[Stored data]
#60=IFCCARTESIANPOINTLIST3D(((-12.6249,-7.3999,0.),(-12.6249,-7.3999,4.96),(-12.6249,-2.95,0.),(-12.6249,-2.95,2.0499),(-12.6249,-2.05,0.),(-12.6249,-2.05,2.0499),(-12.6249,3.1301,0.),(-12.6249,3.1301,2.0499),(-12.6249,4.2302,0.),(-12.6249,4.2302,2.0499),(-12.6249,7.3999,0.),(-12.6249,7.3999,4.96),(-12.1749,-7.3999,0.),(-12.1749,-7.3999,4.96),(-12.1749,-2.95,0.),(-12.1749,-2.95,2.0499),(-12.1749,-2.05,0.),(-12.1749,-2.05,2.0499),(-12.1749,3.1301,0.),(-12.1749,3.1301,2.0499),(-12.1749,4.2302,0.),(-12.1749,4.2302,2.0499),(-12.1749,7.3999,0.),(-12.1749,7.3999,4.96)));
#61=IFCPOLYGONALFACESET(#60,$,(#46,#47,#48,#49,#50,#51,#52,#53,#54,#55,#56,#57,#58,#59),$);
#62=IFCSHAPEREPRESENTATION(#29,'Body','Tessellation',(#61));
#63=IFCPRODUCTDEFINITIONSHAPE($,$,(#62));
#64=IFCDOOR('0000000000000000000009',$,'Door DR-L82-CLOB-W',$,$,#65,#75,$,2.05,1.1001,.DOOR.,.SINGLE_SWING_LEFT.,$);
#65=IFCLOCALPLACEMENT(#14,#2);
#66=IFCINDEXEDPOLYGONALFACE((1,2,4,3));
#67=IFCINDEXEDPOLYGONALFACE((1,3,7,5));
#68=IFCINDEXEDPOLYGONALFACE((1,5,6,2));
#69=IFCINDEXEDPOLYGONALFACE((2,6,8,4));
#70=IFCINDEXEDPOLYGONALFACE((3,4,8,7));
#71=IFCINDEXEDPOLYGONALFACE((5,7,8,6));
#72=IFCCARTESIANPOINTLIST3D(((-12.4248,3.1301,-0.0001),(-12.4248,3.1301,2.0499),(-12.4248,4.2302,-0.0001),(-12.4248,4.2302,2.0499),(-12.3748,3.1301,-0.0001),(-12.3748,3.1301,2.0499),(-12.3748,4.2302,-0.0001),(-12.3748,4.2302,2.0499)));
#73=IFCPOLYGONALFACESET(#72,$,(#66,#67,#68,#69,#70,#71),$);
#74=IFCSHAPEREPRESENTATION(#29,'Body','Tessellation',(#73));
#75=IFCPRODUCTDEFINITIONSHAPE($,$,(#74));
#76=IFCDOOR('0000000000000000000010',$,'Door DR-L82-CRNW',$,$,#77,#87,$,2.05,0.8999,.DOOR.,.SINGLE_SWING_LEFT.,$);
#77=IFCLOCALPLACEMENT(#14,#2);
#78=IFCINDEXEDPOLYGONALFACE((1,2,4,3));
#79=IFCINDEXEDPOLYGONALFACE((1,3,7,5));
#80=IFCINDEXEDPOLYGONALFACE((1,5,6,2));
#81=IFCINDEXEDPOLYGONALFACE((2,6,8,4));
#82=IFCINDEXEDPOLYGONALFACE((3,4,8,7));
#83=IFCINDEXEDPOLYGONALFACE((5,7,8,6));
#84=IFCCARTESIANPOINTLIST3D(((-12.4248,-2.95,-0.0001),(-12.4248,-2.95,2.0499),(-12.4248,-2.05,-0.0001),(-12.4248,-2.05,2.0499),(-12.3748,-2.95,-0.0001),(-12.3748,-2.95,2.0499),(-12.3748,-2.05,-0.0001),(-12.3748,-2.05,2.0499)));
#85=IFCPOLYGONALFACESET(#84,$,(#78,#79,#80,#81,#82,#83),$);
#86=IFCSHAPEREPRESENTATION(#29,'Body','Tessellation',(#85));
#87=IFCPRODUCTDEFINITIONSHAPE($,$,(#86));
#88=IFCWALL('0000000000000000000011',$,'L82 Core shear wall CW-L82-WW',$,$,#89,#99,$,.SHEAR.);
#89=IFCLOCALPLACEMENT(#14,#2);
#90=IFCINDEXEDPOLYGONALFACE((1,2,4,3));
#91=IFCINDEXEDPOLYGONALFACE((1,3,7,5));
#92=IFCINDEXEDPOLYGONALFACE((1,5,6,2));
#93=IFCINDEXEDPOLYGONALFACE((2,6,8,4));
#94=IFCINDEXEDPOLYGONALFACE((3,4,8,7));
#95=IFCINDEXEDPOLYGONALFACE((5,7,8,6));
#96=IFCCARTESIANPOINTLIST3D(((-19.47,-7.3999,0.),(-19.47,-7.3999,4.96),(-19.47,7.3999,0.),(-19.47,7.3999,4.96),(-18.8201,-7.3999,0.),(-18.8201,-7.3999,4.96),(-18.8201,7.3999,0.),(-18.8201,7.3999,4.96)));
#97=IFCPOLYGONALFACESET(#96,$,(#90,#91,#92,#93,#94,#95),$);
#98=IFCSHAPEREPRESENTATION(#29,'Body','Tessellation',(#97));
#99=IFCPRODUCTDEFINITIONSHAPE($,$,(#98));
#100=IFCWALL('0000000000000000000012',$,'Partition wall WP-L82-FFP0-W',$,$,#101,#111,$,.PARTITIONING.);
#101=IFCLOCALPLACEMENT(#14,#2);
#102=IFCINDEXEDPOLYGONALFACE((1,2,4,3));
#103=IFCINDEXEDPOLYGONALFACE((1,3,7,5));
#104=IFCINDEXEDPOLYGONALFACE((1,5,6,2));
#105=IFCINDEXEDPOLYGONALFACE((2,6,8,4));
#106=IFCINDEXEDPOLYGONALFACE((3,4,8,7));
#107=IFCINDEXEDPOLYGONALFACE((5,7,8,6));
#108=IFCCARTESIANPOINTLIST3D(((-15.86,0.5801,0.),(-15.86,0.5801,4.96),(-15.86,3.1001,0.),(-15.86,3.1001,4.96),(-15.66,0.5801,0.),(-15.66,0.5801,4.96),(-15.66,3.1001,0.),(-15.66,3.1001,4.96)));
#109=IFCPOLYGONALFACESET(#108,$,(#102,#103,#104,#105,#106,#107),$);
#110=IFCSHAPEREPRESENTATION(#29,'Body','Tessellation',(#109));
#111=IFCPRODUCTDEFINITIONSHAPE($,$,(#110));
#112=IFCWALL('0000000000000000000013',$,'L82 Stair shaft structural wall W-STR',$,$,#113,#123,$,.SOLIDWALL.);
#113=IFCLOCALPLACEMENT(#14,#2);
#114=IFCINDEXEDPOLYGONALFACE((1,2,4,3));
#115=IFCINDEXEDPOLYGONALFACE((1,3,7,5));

§ **The problem**: Starting with the line that holds "#85=IFCPOLYGONALFACESET(#84,$,(#78,#79,#80,#81,#82,#83),$);" and ending with the line that holds "#99=IFCPRODUCTDEFINITIONSHAPE($,$,(#98));", retype every line in the data above exactly, and nothing else.

§ **Output**:
#85=IFCPOLYGONALFACESET(#84,$,(#78,#79,#80,#81,#82,#83),$);
#86=IFCSHAPEREPRESENTATION(#29,'Body','Tessellation',(#85));
#87=IFCPRODUCTDEFINITIONSHAPE($,$,(#86));
#88=IFCWALL('0000000000000000000011',$,'L82 Core shear wall CW-L82-WW',$,$,#89,#99,$,.SHEAR.);
#89=IFCLOCALPLACEMENT(#14,#2);
#90=IFCINDEXEDPOLYGONALFACE((1,2,4,3));
#91=IFCINDEXEDPOLYGONALFACE((1,3,7,5));
#92=IFCINDEXEDPOLYGONALFACE((1,5,6,2));
#93=IFCINDEXEDPOLYGONALFACE((2,6,8,4));
#94=IFCINDEXEDPOLYGONALFACE((3,4,8,7));
#95=IFCINDEXEDPOLYGONALFACE((5,7,8,6));
#96=IFCCARTESIANPOINTLIST3D(((-19.47,-7.3999,0.),(-19.47,-7.3999,4.96),(-19.47,7.3999,0.),(-19.47,7.3999,4.96),(-18.8201,-7.3999,0.),(-18.8201,-7.3999,4.96),(-18.8201,7.3999,0.),(-18.8201,7.3999,4.96)));
#97=IFCPOLYGONALFACESET(#96,$,(#90,#91,#92,#93,#94,#95),$);
#98=IFCSHAPEREPRESENTATION(#29,'Body','Tessellation',(#97));
#99=IFCPRODUCTDEFINITIONSHAPE($,$,(#98));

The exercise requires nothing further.